# [THE TASK]
Work out how many lines of the listing below include the string "Exchange", and give that number alone.
+ + + + +
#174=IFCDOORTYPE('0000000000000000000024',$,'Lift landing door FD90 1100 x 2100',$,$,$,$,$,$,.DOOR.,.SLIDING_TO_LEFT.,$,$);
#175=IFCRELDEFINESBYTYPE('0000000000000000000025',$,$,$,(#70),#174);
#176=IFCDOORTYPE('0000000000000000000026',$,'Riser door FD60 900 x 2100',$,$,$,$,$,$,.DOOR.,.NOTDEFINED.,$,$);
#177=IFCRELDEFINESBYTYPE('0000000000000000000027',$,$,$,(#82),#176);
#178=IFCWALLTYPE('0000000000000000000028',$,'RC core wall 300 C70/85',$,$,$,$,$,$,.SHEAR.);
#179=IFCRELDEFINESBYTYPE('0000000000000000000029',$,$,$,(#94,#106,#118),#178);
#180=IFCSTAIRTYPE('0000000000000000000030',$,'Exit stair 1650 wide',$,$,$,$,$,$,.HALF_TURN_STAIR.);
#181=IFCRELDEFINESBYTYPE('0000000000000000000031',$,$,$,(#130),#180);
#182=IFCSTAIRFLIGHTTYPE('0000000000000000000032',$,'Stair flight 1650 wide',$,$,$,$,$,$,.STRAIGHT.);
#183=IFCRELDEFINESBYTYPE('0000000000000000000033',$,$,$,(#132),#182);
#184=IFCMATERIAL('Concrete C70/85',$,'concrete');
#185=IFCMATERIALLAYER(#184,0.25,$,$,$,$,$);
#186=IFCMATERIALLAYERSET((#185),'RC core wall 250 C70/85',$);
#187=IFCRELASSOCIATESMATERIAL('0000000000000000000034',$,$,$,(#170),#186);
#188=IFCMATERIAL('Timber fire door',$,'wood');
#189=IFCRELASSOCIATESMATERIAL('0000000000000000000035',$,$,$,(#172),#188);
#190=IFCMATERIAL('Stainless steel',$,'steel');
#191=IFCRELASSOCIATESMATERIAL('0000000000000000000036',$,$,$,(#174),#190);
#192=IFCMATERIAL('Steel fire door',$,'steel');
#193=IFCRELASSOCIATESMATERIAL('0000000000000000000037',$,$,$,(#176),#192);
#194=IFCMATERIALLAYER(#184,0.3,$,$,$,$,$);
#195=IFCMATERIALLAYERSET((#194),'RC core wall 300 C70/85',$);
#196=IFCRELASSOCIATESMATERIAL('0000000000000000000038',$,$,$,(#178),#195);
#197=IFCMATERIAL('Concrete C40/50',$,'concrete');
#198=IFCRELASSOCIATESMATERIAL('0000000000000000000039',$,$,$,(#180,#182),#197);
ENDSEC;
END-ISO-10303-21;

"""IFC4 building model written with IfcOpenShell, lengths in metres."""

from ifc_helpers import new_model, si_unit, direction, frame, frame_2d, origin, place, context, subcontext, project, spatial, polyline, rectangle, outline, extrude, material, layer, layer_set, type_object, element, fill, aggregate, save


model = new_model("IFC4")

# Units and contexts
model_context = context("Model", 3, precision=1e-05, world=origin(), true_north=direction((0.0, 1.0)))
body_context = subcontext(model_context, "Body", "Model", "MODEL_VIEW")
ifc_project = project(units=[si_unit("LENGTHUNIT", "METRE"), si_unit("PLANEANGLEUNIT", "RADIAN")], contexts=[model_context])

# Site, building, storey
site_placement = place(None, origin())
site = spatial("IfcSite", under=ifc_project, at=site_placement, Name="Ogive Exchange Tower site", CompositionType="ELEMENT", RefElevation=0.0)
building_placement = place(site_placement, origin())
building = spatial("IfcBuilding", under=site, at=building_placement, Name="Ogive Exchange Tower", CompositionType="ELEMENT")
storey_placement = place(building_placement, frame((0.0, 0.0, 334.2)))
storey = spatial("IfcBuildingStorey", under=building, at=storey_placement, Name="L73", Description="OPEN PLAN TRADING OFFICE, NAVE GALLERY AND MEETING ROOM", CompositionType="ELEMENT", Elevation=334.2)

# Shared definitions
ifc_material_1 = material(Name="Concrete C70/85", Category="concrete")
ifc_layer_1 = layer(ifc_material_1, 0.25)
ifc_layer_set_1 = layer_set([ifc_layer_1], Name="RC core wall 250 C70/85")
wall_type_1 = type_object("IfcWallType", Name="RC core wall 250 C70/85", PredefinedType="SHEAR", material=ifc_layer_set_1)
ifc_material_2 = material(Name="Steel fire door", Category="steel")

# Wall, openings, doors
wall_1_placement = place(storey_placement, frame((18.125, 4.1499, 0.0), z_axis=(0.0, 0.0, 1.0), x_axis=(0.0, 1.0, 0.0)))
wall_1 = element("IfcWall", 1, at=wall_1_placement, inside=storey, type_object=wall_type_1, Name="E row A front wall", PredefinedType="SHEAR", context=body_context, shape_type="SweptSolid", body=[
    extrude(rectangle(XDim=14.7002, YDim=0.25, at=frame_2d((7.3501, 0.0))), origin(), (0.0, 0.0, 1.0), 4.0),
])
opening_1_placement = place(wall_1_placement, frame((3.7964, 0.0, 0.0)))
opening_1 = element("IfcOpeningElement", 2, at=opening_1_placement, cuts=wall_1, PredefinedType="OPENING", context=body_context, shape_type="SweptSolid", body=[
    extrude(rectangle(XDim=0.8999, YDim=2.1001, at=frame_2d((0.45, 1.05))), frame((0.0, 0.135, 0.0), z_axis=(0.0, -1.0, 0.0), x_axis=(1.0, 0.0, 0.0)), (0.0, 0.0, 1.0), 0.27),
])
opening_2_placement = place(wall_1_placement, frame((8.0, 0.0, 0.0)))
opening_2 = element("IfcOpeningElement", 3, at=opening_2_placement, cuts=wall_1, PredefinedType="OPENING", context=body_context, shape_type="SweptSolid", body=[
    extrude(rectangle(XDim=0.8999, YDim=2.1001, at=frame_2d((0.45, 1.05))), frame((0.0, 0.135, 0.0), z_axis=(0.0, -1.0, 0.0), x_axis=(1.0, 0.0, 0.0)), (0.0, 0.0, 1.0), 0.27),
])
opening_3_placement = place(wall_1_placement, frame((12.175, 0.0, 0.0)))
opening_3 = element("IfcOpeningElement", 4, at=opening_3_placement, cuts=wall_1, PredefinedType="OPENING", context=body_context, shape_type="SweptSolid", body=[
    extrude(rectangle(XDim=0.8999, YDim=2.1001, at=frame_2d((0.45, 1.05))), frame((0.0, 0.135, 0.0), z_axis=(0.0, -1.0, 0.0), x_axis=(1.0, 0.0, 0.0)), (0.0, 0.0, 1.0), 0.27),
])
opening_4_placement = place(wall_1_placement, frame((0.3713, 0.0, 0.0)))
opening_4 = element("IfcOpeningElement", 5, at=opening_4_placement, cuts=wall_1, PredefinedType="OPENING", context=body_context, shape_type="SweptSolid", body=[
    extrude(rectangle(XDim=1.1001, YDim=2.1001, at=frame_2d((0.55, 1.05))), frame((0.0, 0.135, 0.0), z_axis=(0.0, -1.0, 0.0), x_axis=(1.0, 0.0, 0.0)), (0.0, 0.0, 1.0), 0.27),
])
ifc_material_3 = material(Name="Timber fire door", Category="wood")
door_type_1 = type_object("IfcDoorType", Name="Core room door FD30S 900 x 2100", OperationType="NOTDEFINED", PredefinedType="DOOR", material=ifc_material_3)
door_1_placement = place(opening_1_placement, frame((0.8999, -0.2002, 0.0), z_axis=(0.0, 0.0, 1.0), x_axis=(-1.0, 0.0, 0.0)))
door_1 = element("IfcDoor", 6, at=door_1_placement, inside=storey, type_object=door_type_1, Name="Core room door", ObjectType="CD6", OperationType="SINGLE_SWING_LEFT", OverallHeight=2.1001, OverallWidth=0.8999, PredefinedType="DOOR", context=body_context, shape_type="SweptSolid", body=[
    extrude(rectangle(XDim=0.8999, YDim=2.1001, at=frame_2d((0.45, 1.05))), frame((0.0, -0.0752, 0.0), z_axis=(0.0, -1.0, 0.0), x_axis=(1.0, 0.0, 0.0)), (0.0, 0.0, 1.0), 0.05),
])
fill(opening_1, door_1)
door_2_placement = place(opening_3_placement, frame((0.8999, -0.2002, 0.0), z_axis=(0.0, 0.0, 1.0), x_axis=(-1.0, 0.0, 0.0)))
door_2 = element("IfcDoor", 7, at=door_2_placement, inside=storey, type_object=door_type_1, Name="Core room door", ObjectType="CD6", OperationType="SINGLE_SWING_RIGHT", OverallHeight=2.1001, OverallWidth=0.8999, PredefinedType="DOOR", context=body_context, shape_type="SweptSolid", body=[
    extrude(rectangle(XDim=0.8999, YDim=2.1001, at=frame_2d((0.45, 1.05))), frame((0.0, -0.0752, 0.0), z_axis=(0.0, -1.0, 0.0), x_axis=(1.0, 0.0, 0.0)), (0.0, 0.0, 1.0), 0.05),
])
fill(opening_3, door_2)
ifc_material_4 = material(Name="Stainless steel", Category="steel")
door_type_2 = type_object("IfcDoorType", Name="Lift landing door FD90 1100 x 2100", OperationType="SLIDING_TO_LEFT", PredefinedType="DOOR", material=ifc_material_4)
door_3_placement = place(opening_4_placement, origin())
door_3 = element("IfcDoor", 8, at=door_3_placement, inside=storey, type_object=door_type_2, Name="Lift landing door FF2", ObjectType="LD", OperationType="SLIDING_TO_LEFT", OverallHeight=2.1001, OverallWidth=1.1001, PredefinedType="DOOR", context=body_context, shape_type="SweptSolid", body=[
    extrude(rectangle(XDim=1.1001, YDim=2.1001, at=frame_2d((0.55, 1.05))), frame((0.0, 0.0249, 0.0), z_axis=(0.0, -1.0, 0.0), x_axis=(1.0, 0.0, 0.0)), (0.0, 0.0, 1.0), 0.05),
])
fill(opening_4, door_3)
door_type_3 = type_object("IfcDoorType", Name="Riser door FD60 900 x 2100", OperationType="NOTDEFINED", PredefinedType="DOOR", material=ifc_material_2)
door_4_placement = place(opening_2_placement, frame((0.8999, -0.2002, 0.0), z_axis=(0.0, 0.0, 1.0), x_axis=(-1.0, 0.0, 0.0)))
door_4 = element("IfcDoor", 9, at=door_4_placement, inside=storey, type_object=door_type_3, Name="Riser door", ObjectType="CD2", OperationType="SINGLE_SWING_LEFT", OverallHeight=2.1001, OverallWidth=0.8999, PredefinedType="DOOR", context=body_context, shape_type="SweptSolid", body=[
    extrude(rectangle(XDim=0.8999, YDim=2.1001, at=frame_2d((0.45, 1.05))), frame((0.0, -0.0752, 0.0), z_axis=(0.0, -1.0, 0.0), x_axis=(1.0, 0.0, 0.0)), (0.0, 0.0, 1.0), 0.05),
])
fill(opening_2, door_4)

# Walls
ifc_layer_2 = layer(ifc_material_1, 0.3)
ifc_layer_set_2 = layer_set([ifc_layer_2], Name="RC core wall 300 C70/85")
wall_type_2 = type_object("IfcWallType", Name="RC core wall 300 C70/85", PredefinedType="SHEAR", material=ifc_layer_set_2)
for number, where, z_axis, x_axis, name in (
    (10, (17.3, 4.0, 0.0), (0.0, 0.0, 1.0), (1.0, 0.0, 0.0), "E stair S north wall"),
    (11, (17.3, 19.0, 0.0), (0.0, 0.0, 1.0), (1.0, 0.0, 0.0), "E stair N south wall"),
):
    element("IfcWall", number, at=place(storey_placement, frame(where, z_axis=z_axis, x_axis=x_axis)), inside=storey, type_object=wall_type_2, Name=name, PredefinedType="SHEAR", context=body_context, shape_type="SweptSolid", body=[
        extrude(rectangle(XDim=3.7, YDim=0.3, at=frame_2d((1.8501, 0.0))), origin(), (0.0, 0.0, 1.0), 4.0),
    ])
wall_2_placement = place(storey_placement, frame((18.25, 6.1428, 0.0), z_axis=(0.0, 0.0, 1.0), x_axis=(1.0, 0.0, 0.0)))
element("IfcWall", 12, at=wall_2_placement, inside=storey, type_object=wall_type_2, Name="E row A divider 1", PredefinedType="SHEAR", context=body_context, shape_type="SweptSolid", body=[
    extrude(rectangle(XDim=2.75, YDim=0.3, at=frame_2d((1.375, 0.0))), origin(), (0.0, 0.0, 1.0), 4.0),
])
+ + + + +
# [YOUR RESPONSE]
2